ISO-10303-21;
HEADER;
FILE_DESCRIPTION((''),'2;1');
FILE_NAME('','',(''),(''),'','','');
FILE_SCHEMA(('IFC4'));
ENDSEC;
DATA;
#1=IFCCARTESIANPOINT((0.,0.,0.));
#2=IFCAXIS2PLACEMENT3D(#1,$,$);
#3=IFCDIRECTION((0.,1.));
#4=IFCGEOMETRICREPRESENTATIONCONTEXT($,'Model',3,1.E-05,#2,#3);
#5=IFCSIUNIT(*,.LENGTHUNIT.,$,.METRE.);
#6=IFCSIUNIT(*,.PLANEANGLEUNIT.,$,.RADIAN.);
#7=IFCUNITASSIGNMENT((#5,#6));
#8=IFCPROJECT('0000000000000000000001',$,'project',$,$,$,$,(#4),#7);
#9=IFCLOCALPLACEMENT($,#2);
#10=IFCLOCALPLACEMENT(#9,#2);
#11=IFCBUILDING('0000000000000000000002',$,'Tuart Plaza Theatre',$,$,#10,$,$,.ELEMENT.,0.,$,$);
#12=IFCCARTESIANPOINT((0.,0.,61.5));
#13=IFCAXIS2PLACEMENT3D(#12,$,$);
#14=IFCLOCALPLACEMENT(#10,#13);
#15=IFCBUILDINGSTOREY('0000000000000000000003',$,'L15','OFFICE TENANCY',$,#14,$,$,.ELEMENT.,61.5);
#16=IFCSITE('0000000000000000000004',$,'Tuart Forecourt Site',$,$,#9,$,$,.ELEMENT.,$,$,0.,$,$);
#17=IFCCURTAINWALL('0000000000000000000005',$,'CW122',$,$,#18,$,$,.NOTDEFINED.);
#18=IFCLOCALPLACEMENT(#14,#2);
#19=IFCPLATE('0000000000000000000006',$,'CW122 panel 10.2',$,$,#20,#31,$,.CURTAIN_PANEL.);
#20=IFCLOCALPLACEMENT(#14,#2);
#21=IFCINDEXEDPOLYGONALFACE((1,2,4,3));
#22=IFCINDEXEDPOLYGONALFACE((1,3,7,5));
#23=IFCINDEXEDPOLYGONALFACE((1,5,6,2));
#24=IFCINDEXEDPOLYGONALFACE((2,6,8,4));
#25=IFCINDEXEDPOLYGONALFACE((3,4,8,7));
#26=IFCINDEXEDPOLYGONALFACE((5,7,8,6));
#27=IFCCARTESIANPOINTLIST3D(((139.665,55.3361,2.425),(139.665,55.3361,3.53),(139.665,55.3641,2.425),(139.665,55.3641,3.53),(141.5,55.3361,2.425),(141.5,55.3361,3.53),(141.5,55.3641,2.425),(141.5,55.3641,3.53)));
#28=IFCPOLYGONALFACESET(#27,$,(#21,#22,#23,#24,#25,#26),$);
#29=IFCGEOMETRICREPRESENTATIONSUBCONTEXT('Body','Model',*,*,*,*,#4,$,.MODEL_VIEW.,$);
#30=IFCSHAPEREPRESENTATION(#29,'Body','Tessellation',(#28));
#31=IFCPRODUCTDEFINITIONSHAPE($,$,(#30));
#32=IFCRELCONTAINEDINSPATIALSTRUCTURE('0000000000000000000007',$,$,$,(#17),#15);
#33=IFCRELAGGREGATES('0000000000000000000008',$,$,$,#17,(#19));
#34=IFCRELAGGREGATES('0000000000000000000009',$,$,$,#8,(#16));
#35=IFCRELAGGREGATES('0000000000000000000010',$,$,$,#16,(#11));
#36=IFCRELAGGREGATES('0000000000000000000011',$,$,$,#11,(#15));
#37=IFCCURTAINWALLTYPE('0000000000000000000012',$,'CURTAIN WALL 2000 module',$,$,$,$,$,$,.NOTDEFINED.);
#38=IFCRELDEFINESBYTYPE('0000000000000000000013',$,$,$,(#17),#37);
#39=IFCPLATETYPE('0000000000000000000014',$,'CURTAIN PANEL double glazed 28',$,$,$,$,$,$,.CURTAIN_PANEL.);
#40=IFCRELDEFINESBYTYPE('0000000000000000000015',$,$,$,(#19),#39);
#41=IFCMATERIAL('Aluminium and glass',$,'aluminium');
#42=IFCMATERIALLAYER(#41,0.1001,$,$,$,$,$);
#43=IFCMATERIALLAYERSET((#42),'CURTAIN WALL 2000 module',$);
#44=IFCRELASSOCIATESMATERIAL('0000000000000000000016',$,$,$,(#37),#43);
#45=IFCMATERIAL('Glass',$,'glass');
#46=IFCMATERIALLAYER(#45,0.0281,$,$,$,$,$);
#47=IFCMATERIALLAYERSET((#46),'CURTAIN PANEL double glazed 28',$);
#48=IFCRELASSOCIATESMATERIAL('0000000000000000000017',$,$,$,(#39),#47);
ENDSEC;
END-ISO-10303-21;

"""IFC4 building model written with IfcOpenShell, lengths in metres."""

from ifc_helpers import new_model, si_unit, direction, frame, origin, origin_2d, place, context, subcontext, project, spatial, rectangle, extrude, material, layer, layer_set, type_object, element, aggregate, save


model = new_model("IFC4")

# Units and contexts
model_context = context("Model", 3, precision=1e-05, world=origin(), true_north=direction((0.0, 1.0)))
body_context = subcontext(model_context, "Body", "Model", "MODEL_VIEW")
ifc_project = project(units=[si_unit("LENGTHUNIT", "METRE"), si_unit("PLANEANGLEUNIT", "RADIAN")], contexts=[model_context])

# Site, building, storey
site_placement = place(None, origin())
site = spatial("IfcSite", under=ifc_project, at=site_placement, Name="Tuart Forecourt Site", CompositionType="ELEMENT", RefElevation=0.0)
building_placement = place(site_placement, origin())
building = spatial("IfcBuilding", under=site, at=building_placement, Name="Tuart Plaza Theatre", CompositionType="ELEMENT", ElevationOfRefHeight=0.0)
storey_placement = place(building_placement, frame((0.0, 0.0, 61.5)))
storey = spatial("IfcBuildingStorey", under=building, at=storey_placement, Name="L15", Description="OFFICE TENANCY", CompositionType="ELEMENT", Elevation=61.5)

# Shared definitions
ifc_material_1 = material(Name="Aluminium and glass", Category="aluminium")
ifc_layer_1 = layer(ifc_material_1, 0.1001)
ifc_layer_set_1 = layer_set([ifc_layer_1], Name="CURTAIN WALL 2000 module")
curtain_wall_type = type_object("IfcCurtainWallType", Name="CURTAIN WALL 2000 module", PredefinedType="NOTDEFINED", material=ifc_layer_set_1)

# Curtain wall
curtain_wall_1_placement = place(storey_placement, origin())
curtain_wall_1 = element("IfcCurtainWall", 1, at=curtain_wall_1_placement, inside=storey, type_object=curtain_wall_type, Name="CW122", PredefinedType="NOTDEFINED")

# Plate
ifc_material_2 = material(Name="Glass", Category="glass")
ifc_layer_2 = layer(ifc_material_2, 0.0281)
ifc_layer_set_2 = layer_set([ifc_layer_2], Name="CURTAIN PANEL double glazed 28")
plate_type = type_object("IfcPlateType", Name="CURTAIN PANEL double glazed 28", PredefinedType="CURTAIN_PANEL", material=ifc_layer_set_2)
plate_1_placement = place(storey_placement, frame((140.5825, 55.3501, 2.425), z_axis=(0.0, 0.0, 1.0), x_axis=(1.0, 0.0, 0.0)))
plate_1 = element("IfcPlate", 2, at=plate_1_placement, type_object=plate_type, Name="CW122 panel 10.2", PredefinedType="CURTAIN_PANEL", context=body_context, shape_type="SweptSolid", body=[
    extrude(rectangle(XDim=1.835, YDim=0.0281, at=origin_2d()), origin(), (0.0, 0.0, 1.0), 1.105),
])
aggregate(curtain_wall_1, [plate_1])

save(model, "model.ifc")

→ **Problem requirements**: Gather all lines from the records above in which "IFCLOCALPLACEMENT" appears.

→ **Answer to the problem**:
#9=IFCLOCALPLACEMENT($,#2);
#10=IFCLOCALPLACEMENT(#9,#2);
#14=IFCLOCALPLACEMENT(#10,#13);
#18=IFCLOCALPLACEMENT(#14,#2);
#20=IFCLOCALPLACEMENT(#14,#2);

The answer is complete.